Segment Start: The records

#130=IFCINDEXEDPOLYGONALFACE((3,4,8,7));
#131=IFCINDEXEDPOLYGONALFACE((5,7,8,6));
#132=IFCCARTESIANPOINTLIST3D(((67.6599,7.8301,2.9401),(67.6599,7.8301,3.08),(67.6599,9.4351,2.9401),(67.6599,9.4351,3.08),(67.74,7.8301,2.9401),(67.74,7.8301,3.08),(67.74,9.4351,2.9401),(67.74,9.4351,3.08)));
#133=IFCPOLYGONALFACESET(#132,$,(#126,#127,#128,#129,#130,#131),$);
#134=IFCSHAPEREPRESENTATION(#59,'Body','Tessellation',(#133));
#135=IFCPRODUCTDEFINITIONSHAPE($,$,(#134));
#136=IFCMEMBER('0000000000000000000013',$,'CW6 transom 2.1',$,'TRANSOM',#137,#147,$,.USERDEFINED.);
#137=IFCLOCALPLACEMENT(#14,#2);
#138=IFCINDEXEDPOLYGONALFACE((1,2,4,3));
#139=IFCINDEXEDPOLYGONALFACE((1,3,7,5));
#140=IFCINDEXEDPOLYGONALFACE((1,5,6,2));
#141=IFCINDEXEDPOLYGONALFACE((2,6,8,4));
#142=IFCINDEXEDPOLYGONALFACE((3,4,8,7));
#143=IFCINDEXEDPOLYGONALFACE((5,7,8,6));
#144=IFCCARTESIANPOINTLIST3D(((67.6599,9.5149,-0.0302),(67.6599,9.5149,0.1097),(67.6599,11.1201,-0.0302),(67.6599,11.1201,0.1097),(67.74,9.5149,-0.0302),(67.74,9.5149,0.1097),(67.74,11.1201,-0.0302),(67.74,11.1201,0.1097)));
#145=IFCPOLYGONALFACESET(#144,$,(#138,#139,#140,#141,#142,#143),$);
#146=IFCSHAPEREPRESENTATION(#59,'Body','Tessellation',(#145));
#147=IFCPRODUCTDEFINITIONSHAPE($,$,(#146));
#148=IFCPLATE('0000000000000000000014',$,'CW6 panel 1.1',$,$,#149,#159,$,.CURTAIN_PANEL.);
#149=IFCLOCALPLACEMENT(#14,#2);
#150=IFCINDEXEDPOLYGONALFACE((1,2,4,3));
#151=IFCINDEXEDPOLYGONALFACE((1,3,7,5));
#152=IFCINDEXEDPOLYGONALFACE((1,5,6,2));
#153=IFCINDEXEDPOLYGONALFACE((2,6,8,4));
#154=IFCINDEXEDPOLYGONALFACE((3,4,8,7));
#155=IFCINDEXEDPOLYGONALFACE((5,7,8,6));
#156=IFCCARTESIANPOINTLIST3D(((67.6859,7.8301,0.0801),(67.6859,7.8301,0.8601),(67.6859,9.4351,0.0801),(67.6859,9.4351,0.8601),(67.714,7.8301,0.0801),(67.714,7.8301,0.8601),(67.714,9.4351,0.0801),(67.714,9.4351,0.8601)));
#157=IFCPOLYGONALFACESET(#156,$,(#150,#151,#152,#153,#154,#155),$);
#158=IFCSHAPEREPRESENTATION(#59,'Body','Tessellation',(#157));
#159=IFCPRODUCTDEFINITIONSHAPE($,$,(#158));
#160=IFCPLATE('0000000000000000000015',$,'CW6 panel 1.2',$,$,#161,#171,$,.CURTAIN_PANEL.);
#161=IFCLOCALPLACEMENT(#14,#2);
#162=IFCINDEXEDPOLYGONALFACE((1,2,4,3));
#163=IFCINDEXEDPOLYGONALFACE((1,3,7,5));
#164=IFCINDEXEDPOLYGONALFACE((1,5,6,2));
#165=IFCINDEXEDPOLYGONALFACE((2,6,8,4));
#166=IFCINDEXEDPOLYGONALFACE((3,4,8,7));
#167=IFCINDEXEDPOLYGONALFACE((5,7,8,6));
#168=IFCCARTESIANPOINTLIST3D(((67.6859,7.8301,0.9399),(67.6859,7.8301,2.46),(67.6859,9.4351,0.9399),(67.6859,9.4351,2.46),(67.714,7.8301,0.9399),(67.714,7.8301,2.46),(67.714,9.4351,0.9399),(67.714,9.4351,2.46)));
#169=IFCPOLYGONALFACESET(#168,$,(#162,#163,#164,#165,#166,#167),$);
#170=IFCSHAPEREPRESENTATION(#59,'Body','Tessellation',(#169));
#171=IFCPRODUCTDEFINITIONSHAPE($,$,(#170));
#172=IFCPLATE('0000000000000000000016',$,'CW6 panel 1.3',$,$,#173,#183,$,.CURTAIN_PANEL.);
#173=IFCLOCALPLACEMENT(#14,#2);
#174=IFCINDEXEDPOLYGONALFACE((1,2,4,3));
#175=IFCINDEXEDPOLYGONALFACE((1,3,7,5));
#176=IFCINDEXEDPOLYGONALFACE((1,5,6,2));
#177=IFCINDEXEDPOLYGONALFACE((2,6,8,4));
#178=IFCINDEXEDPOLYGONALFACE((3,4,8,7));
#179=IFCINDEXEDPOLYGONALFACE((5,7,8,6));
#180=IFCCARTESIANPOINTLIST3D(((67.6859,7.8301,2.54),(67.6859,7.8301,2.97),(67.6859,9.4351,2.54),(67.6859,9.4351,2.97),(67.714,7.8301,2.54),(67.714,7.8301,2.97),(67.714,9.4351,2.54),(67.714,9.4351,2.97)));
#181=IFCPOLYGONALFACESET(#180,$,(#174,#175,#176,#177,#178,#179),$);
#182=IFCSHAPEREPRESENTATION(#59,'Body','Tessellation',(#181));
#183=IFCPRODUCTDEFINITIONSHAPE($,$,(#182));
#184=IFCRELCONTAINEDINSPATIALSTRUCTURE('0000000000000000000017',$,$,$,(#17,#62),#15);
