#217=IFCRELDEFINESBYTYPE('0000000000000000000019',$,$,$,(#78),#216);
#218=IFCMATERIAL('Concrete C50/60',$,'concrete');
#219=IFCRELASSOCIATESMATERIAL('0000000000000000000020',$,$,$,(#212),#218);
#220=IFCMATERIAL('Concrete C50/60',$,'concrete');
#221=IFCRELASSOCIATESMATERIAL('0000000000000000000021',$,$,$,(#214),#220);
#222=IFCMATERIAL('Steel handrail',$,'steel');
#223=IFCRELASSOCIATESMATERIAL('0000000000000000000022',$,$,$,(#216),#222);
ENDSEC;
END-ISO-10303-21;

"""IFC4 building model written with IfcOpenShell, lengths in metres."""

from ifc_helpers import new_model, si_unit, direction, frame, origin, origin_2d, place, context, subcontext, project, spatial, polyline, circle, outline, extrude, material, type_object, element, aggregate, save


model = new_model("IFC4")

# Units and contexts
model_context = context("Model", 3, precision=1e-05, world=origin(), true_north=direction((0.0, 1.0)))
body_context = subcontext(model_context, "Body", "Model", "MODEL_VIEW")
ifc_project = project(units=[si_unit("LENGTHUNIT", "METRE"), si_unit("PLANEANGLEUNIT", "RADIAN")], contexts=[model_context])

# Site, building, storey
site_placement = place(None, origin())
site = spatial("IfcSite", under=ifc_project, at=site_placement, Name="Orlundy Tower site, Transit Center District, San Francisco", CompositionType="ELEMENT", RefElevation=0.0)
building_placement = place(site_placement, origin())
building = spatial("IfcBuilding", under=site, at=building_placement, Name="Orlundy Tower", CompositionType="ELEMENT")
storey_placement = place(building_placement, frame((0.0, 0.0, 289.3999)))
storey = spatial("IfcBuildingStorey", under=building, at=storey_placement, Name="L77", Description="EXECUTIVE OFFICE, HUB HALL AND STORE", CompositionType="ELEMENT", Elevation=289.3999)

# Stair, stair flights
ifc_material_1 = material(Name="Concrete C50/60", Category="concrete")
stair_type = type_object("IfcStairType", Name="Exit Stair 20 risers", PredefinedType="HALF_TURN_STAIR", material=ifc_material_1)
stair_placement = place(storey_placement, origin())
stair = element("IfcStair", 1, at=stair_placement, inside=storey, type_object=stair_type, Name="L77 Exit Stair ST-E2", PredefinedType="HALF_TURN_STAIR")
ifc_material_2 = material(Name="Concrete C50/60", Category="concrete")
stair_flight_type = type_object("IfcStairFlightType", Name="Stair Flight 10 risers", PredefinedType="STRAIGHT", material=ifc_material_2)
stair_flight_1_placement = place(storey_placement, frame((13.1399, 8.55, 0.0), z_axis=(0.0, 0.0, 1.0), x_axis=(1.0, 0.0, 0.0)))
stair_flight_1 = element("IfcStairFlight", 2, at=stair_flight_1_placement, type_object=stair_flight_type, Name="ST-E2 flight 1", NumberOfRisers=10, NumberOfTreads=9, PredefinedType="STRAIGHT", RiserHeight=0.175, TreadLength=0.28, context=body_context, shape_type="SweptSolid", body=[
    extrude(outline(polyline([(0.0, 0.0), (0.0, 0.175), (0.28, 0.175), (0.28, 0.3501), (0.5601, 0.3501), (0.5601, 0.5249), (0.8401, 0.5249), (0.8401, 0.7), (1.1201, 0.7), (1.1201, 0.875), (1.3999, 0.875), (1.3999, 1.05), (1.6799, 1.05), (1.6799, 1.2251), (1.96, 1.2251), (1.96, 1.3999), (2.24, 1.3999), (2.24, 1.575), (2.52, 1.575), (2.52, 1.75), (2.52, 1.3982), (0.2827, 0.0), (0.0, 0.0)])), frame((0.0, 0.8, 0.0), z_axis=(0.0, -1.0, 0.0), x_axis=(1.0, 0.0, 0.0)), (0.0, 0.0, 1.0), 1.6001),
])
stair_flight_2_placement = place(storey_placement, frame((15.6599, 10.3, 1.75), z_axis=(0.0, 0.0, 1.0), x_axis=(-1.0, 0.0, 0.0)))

Segment End: The records

_Task statement_:
With the first line being the one containing "#138=IFCINDEXEDPOLYGONALFACE((1,2,4,3));" and the last line the one containing "#146=IFCSHAPEREPRESENTATION(#59,'Body','Tessellation',(#145));", transcribe exactly the lines above that fall in that range.

_Solution to the exercise_:
#138=IFCINDEXEDPOLYGONALFACE((1,2,4,3));
#139=IFCINDEXEDPOLYGONALFACE((1,3,7,5));
#140=IFCINDEXEDPOLYGONALFACE((1,5,6,2));
#141=IFCINDEXEDPOLYGONALFACE((2,6,8,4));
#142=IFCINDEXEDPOLYGONALFACE((3,4,8,7));
#143=IFCINDEXEDPOLYGONALFACE((5,7,8,6));
#144=IFCCARTESIANPOINTLIST3D(((67.6599,9.5149,-0.0302),(67.6599,9.5149,0.1097),(67.6599,11.1201,-0.0302),(67.6599,11.1201,0.1097),(67.74,9.5149,-0.0302),(67.74,9.5149,0.1097),(67.74,11.1201,-0.0302),(67.74,11.1201,0.1097)));
#145=IFCPOLYGONALFACESET(#144,$,(#138,#139,#140,#141,#142,#143),$);
#146=IFCSHAPEREPRESENTATION(#59,'Body','Tessellation',(#145));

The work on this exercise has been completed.